WORK TO BE COMPLETED: Once the line containing "#104=IFCINDEXEDPOLYGONALFACE((49,53,55,51));" is found in the entries below, restate it and each following line word for word, stopping after the line containing "FILE_NAME('','',(''),(''),'','','');".

GIVEN DATA:

= = = =

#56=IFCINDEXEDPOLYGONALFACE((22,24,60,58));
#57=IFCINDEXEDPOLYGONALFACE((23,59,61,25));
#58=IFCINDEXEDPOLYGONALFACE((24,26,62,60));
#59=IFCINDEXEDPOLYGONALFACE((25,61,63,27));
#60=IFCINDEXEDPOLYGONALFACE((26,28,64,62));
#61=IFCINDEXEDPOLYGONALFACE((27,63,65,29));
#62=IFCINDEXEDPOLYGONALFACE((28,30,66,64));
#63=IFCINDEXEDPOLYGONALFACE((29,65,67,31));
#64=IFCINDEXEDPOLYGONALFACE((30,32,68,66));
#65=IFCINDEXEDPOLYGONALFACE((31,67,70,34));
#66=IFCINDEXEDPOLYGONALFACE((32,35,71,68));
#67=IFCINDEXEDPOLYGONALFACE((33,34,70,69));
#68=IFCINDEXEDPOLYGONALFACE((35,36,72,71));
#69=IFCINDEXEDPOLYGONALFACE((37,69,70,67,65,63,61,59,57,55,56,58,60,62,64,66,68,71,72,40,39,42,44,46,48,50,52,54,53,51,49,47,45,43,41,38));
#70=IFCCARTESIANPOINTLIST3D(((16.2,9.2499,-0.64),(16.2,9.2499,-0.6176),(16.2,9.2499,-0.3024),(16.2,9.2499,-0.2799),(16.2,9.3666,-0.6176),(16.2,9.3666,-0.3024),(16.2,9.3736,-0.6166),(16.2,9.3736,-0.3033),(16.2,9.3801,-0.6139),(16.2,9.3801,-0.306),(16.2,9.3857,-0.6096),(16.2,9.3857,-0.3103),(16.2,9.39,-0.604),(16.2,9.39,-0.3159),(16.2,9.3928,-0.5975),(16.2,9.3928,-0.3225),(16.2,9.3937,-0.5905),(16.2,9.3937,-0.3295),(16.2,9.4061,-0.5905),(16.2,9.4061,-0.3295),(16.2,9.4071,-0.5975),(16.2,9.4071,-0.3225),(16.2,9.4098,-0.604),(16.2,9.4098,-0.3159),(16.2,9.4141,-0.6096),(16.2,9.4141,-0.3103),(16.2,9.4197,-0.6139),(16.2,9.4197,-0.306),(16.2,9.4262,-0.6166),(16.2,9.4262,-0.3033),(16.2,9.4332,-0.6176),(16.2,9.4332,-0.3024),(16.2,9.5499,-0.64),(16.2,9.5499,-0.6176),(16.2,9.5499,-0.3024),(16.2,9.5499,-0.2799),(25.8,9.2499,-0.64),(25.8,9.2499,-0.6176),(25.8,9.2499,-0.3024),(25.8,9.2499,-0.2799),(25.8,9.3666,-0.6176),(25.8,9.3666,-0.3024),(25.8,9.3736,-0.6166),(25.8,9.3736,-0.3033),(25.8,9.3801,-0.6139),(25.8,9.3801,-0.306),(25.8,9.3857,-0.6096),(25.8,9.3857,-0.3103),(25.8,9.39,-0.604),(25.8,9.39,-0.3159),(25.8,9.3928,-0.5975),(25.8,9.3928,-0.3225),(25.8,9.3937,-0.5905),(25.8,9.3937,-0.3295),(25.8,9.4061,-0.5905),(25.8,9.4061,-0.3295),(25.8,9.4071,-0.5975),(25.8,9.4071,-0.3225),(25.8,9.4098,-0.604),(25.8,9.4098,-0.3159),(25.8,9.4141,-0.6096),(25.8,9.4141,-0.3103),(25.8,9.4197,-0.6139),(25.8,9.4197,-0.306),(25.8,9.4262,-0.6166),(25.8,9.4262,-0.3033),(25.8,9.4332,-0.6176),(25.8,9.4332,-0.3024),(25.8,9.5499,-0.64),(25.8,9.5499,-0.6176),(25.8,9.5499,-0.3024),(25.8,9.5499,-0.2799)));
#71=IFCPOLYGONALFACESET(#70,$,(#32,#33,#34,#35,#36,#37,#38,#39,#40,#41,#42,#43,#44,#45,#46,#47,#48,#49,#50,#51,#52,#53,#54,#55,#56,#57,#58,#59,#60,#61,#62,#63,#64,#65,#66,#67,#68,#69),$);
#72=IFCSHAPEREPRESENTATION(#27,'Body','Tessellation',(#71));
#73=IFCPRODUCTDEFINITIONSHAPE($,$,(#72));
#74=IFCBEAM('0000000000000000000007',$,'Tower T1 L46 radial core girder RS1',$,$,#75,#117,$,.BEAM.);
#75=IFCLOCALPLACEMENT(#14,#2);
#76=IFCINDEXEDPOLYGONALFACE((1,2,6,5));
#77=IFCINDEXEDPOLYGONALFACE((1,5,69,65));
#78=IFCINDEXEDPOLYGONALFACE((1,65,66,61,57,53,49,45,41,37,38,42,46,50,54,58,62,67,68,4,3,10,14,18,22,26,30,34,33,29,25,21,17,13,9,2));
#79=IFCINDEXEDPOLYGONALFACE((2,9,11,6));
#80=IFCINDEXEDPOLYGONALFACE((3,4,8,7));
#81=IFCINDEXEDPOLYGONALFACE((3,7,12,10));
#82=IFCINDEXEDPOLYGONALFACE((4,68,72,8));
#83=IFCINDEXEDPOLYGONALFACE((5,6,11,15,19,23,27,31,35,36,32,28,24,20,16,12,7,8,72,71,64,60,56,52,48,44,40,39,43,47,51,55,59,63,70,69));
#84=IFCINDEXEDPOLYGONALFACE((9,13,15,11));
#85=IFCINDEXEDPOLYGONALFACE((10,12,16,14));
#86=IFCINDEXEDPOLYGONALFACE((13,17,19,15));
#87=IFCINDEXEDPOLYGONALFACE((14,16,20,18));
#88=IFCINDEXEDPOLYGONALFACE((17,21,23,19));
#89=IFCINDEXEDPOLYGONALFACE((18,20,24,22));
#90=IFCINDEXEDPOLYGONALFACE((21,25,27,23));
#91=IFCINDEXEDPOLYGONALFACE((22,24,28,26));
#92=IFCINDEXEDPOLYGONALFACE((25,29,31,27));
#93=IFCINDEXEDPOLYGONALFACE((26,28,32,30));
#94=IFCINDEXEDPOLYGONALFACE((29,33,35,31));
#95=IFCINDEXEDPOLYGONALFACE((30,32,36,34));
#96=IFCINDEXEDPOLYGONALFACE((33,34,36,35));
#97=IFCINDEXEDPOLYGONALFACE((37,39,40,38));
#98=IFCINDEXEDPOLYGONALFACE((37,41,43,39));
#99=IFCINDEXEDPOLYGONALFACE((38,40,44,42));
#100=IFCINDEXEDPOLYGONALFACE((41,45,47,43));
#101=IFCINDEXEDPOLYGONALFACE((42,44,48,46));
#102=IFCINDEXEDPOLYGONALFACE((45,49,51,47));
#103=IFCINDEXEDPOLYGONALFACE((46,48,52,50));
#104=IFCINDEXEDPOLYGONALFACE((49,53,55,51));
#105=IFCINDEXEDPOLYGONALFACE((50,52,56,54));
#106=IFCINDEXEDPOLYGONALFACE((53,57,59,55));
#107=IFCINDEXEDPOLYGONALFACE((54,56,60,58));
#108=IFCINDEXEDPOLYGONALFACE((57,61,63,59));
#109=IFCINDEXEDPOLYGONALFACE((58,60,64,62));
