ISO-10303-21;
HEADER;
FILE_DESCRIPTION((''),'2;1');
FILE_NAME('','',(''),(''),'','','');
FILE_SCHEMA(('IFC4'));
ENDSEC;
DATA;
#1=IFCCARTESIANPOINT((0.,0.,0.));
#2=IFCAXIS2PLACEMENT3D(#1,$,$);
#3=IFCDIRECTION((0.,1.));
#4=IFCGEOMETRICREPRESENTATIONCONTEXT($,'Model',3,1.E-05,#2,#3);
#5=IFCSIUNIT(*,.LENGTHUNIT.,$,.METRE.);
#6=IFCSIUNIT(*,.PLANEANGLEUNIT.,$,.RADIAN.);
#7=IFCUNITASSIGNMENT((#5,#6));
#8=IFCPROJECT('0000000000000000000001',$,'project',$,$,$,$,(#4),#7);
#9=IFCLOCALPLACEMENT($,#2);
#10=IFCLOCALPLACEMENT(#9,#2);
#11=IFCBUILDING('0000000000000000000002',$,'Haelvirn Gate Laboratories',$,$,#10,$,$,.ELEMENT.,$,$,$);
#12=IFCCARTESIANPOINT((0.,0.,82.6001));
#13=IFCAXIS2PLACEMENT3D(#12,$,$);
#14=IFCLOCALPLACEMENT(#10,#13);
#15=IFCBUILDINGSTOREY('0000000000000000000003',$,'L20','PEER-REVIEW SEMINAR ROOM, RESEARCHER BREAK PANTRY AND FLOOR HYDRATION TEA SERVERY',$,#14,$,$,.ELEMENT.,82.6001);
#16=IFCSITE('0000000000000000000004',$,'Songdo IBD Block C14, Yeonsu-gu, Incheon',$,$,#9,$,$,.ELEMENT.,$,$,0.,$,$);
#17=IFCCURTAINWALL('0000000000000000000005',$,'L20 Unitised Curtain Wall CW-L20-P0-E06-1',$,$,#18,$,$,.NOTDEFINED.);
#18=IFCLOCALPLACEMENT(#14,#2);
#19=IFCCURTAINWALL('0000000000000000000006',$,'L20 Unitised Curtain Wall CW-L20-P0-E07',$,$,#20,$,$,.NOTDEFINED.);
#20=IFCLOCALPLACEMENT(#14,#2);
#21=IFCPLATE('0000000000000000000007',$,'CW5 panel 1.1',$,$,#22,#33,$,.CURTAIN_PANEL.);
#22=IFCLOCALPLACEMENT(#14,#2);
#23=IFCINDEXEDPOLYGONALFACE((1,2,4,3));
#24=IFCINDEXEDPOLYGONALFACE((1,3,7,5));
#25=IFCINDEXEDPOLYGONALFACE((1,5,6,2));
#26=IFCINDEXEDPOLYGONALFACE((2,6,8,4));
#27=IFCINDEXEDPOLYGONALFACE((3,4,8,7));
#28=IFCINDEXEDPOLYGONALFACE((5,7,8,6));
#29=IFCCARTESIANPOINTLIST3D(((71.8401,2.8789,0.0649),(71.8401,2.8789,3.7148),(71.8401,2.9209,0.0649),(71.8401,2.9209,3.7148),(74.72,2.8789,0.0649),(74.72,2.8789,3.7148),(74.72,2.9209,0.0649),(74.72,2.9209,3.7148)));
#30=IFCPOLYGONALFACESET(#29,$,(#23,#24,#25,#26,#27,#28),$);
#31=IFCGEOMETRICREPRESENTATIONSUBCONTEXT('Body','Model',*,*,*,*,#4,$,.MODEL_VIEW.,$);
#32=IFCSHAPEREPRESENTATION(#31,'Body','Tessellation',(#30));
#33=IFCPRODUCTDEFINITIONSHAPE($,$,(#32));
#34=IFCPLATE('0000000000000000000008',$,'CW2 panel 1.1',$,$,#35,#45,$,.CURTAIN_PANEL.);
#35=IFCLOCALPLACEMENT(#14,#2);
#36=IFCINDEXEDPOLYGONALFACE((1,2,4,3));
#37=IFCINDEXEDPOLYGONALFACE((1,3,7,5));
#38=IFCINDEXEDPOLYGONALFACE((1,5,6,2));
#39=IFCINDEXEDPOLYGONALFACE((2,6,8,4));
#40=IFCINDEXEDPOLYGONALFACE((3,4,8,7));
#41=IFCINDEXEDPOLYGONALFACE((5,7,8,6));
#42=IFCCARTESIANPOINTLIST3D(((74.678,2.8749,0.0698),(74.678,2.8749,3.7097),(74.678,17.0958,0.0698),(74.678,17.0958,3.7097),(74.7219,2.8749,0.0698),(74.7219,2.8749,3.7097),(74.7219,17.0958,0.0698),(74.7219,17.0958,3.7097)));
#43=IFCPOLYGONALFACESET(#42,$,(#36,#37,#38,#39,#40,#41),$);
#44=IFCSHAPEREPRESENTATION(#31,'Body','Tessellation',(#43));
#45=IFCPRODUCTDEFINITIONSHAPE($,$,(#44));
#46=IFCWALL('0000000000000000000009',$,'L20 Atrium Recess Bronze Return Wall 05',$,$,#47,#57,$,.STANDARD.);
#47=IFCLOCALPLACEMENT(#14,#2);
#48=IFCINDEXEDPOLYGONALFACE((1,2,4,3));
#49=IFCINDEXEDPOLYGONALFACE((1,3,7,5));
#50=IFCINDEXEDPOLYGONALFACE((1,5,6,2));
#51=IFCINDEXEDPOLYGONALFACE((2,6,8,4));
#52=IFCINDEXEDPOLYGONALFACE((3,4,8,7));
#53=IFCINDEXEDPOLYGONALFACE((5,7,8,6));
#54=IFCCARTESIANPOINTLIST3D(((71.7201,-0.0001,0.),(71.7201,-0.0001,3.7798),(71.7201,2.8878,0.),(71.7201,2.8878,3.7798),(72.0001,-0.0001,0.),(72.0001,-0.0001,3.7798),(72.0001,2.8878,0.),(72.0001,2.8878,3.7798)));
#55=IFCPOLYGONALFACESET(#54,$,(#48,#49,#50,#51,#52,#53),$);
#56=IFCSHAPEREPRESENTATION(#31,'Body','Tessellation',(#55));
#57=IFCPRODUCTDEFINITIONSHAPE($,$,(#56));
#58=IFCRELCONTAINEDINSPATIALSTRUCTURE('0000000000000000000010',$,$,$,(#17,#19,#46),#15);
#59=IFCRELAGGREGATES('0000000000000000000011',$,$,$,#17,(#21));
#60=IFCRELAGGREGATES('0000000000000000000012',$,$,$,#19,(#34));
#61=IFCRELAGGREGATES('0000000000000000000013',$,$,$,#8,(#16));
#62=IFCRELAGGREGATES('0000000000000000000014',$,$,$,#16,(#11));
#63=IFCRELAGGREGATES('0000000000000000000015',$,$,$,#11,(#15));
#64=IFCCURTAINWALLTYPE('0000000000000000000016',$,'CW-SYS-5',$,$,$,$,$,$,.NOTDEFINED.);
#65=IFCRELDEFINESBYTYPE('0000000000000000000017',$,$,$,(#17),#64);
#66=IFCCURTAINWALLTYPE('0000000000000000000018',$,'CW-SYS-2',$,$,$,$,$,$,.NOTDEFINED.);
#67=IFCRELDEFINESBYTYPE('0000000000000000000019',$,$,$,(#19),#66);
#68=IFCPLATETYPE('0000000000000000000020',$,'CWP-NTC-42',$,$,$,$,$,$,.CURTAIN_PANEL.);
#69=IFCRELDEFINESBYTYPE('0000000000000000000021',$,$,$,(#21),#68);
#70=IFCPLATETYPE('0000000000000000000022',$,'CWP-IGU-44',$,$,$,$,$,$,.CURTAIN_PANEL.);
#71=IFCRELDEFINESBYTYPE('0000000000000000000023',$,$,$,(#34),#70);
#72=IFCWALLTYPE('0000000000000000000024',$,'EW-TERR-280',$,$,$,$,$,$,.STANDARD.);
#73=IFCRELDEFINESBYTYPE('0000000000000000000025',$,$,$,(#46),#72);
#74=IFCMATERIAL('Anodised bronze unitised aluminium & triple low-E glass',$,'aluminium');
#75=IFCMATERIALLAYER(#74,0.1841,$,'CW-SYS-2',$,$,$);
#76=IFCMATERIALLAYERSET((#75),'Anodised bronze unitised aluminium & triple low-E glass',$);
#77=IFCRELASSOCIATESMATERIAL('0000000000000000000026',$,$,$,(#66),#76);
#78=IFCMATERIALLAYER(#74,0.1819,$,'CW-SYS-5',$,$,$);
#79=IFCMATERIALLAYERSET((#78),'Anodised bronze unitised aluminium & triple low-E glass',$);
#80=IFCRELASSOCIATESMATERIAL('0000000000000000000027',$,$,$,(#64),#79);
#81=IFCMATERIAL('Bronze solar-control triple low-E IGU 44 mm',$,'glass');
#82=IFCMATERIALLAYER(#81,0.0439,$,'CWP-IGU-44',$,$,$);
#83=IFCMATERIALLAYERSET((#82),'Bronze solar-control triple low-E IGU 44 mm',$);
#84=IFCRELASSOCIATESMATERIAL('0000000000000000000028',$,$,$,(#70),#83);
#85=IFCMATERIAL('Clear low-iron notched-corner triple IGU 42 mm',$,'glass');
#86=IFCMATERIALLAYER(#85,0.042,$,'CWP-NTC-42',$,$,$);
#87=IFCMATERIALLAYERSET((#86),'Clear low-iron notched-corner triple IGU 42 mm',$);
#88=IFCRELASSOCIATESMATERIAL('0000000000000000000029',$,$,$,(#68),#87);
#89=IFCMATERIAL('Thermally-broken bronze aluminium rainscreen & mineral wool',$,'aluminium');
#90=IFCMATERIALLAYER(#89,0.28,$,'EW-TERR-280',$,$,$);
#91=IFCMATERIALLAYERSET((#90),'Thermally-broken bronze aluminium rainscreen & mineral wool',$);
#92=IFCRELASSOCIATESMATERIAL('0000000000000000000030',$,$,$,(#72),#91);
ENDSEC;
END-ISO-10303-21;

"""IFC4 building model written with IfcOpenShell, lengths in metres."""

from ifc_helpers import new_model, si_unit, direction, frame, frame_2d, origin, origin_2d, place, context, subcontext, project, spatial, rectangle, extrude, source, transform, mapped, material, layer, layer_set, type_object, type_shapes, element, aggregate, save


model = new_model("IFC4")

# Units and contexts
model_context = context("Model", 3, precision=1e-05, world=origin(), true_north=direction((0.0, 1.0)))
body_context = subcontext(model_context, "Body", "Model", "MODEL_VIEW")
ifc_project = project(units=[si_unit("LENGTHUNIT", "METRE"), si_unit("PLANEANGLEUNIT", "RADIAN")], contexts=[model_context])

# Site, building, storey
site_placement = place(None, origin())
site = spatial("IfcSite", under=ifc_project, at=site_placement, Name="Songdo IBD Block C14, Yeonsu-gu, Incheon", CompositionType="ELEMENT", RefElevation=0.0)
building_placement = place(site_placement, origin())
building = spatial("IfcBuilding", under=site, at=building_placement, Name="Haelvirn Gate Laboratories", CompositionType="ELEMENT")
storey_placement = place(building_placement, frame((0.0, 0.0, 82.6001)))
storey = spatial("IfcBuildingStorey", under=building, at=storey_placement, Name="L20", Description="PEER-REVIEW SEMINAR ROOM, RESEARCHER BREAK PANTRY AND FLOOR HYDRATION TEA SERVERY", CompositionType="ELEMENT", Elevation=82.6001)

# Curtain walls
ifc_material_1 = material(Name="Anodised bronze unitised aluminium & triple low-E glass", Category="aluminium")
ifc_layer_1 = layer(ifc_material_1, 0.1841, Name="CW-SYS-2")
ifc_layer_set_1 = layer_set([ifc_layer_1], Name="Anodised bronze unitised aluminium & triple low-E glass")
curtain_wall_type_1 = type_object("IfcCurtainWallType", Name="CW-SYS-2", PredefinedType="NOTDEFINED", material=ifc_layer_set_1)
ifc_layer_2 = layer(ifc_material_1, 0.1819, Name="CW-SYS-5")
ifc_layer_set_2 = layer_set([ifc_layer_2], Name="Anodised bronze unitised aluminium & triple low-E glass")
curtain_wall_type_2 = type_object("IfcCurtainWallType", Name="CW-SYS-5", PredefinedType="NOTDEFINED", material=ifc_layer_set_2)
curtain_wall_1_placement = place(storey_placement, origin())
curtain_wall_1 = element("IfcCurtainWall", 1, at=curtain_wall_1_placement, inside=storey, type_object=curtain_wall_type_2, Name="L20 Unitised Curtain Wall CW-L20-P0-E06-1", PredefinedType="NOTDEFINED")
curtain_wall_2_placement = place(storey_placement, origin())
curtain_wall_2 = element("IfcCurtainWall", 2, at=curtain_wall_2_placement, inside=storey, type_object=curtain_wall_type_1, Name="L20 Unitised Curtain Wall CW-L20-P0-E07", PredefinedType="NOTDEFINED")

# Plates
ifc_material_2 = material(Name="Bronze solar-control triple low-E IGU 44 mm", Category="glass")
ifc_layer_3 = layer(ifc_material_2, 0.0439, Name="CWP-IGU-44")
ifc_layer_set_3 = layer_set([ifc_layer_3], Name="Bronze solar-control triple low-E IGU 44 mm")
plate_type_1 = type_object("IfcPlateType", Name="CWP-IGU-44", PredefinedType="CURTAIN_PANEL", material=ifc_layer_set_3)
ifc_material_3 = material(Name="Clear low-iron notched-corner triple IGU 42 mm", Category="glass")
ifc_layer_4 = layer(ifc_material_3, 0.042, Name="CWP-NTC-42")
ifc_layer_set_4 = layer_set([ifc_layer_4], Name="Clear low-iron notched-corner triple IGU 42 mm")
plate_type_2 = type_object("IfcPlateType", Name="CWP-NTC-42", PredefinedType="CURTAIN_PANEL", material=ifc_layer_set_4)
shared_shape_1 = source(origin(), body_context, "Body", "SweptSolid", [
    extrude(rectangle(XDim=2.8799, YDim=0.042, at=origin_2d()), origin(), (0.0, 0.0, 1.0), 3.6499),
])
type_shapes(plate_type_2, [shared_shape_1])
plate_1_placement = place(storey_placement, frame((73.28, 2.8999, 0.0649), z_axis=(0.0, 0.0, 1.0), x_axis=(1.0, 0.0, 0.0)))
plate_1 = element("IfcPlate", 3, at=plate_1_placement, type_object=plate_type_2, Name="CW5 panel 1.1", PredefinedType="CURTAIN_PANEL", context=body_context, shape_type="MappedRepresentation", body=[
    mapped(shared_shape_1, transform((0.0, 0.0, 0.0), scale=1.0)),
])
aggregate(curtain_wall_1, [plate_1])
shared_shape_2 = source(origin(), body_context, "Body", "SweptSolid", [
    extrude(rectangle(XDim=14.2209, YDim=0.0439, at=origin_2d()), origin(), (0.0, 0.0, 1.0), 3.6399),
])
plate_2_placement = place(storey_placement, frame((74.7, 9.9854, 0.0698), z_axis=(0.0, 0.0, 1.0), x_axis=(0.0, 1.0, 0.0)))
plate_2 = element("IfcPlate", 4, at=plate_2_placement, type_object=plate_type_1, Name="CW2 panel 1.1", PredefinedType="CURTAIN_PANEL", context=body_context, shape_type="MappedRepresentation", body=[
    mapped(shared_shape_2, transform((0.0, 0.0, 0.0), scale=1.0)),
])
aggregate(curtain_wall_2, [plate_2])

# Wall
ifc_material_4 = material(Name="Thermally-broken bronze aluminium rainscreen & mineral wool", Category="aluminium")
ifc_layer_5 = layer(ifc_material_4, 0.28, Name="EW-TERR-280")
ifc_layer_set_5 = layer_set([ifc_layer_5], Name="Thermally-broken bronze aluminium rainscreen & mineral wool")
wall_type = type_object("IfcWallType", Name="EW-TERR-280", PredefinedType="STANDARD", material=ifc_layer_set_5)
wall_placement = place(storey_placement, frame((71.8601, 0.0, 0.0), z_axis=(0.0, 0.0, 1.0), x_axis=(0.0, 1.0, 0.0)))
element("IfcWall", 5, at=wall_placement, inside=storey, type_object=wall_type, Name="L20 Atrium Recess Bronze Return Wall 05", PredefinedType="STANDARD", context=body_context, shape_type="SweptSolid", body=[
    extrude(rectangle(XDim=2.8879, YDim=0.28, at=frame_2d((1.4438, 0.0))), origin(), (0.0, 0.0, 1.0), 3.7798),
])

save(model, "model.ifc")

= = = =

WRITTEN RESPONSE:
#104=IFCINDEXEDPOLYGONALFACE((49,53,55,51));
#105=IFCINDEXEDPOLYGONALFACE((50,52,56,54));
#106=IFCINDEXEDPOLYGONALFACE((53,57,59,55));
#107=IFCINDEXEDPOLYGONALFACE((54,56,60,58));
#108=IFCINDEXEDPOLYGONALFACE((57,61,63,59));
#109=IFCINDEXEDPOLYGONALFACE((58,60,64,62));
ISO-10303-21;
HEADER;
FILE_DESCRIPTION((''),'2;1');
FILE_NAME('','',(''),(''),'','','');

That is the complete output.